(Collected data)
■ ■ ■ ■ ■ ■ ■
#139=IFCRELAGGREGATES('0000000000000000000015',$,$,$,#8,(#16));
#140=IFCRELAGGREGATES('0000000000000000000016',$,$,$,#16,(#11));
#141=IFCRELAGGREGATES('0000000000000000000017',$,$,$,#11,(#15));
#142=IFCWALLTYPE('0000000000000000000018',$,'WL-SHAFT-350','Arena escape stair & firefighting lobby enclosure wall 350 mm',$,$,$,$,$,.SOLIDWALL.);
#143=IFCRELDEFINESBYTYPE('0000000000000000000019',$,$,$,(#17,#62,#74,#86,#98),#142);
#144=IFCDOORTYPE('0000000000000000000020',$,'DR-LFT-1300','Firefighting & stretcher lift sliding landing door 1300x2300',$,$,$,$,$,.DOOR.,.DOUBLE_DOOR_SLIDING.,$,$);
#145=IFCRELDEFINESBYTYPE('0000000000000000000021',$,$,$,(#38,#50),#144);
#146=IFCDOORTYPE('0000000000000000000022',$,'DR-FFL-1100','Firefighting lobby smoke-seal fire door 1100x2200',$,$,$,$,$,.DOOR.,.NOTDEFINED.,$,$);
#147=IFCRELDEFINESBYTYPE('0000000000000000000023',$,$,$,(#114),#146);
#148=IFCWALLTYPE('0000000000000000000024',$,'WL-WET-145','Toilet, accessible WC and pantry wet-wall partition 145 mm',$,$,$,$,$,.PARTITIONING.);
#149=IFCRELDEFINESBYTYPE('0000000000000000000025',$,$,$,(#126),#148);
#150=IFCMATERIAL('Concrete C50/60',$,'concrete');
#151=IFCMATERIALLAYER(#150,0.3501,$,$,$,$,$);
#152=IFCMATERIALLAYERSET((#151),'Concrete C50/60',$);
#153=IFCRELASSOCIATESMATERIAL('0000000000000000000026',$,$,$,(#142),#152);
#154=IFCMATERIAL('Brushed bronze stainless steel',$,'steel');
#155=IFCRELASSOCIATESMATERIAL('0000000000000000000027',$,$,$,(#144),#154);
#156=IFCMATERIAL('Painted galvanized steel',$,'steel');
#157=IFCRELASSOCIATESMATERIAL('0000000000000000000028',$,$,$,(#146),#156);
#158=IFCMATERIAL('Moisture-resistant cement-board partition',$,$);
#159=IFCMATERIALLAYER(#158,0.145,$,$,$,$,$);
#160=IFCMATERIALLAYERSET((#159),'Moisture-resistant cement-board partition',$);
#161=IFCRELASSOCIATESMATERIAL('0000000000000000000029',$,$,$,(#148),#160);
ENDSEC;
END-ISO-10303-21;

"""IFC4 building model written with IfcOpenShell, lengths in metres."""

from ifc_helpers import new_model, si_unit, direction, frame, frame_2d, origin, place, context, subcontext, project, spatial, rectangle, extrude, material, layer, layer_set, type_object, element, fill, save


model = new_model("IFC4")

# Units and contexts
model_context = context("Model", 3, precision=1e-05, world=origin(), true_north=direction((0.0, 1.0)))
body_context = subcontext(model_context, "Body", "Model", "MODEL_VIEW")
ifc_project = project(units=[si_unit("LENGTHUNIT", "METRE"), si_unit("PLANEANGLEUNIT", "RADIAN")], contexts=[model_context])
■ ■ ■ ■ ■ ■ ■
Each line of the records above should be copied exactly.

▸ Exercise output
#139=IFCRELAGGREGATES('0000000000000000000015',$,$,$,#8,(#16));
#140=IFCRELAGGREGATES('0000000000000000000016',$,$,$,#16,(#11));
#141=IFCRELAGGREGATES('0000000000000000000017',$,$,$,#11,(#15));
#142=IFCWALLTYPE('0000000000000000000018',$,'WL-SHAFT-350','Arena escape stair & firefighting lobby enclosure wall 350 mm',$,$,$,$,$,.SOLIDWALL.);
#143=IFCRELDEFINESBYTYPE('0000000000000000000019',$,$,$,(#17,#62,#74,#86,#98),#142);
#144=IFCDOORTYPE('0000000000000000000020',$,'DR-LFT-1300','Firefighting & stretcher lift sliding landing door 1300x2300',$,$,$,$,$,.DOOR.,.DOUBLE_DOOR_SLIDING.,$,$);
#145=IFCRELDEFINESBYTYPE('0000000000000000000021',$,$,$,(#38,#50),#144);
#146=IFCDOORTYPE('0000000000000000000022',$,'DR-FFL-1100','Firefighting lobby smoke-seal fire door 1100x2200',$,$,$,$,$,.DOOR.,.NOTDEFINED.,$,$);
#147=IFCRELDEFINESBYTYPE('0000000000000000000023',$,$,$,(#114),#146);
#148=IFCWALLTYPE('0000000000000000000024',$,'WL-WET-145','Toilet, accessible WC and pantry wet-wall partition 145 mm',$,$,$,$,$,.PARTITIONING.);
#149=IFCRELDEFINESBYTYPE('0000000000000000000025',$,$,$,(#126),#148);
#150=IFCMATERIAL('Concrete C50/60',$,'concrete');
#151=IFCMATERIALLAYER(#150,0.3501,$,$,$,$,$);
#152=IFCMATERIALLAYERSET((#151),'Concrete C50/60',$);
#153=IFCRELASSOCIATESMATERIAL('0000000000000000000026',$,$,$,(#142),#152);
#154=IFCMATERIAL('Brushed bronze stainless steel',$,'steel');
#155=IFCRELASSOCIATESMATERIAL('0000000000000000000027',$,$,$,(#144),#154);
#156=IFCMATERIAL('Painted galvanized steel',$,'steel');
#157=IFCRELASSOCIATESMATERIAL('0000000000000000000028',$,$,$,(#146),#156);
#158=IFCMATERIAL('Moisture-resistant cement-board partition',$,$);
#159=IFCMATERIALLAYER(#158,0.145,$,$,$,$,$);
#160=IFCMATERIALLAYERSET((#159),'Moisture-resistant cement-board partition',$);
#161=IFCRELASSOCIATESMATERIAL('0000000000000000000029',$,$,$,(#148),#160);
ENDSEC;
END-ISO-10303-21;

"""IFC4 building model written with IfcOpenShell, lengths in metres."""

from ifc_helpers import new_model, si_unit, direction, frame, frame_2d, origin, place, context, subcontext, project, spatial, rectangle, extrude, material, layer, layer_set, type_object, element, fill, save


model = new_model("IFC4")

# Units and contexts
model_context = context("Model", 3, precision=1e-05, world=origin(), true_north=direction((0.0, 1.0)))
body_context = subcontext(model_context, "Body", "Model", "MODEL_VIEW")
ifc_project = project(units=[si_unit("LENGTHUNIT", "METRE"), si_unit("PLANEANGLEUNIT", "RADIAN")], contexts=[model_context])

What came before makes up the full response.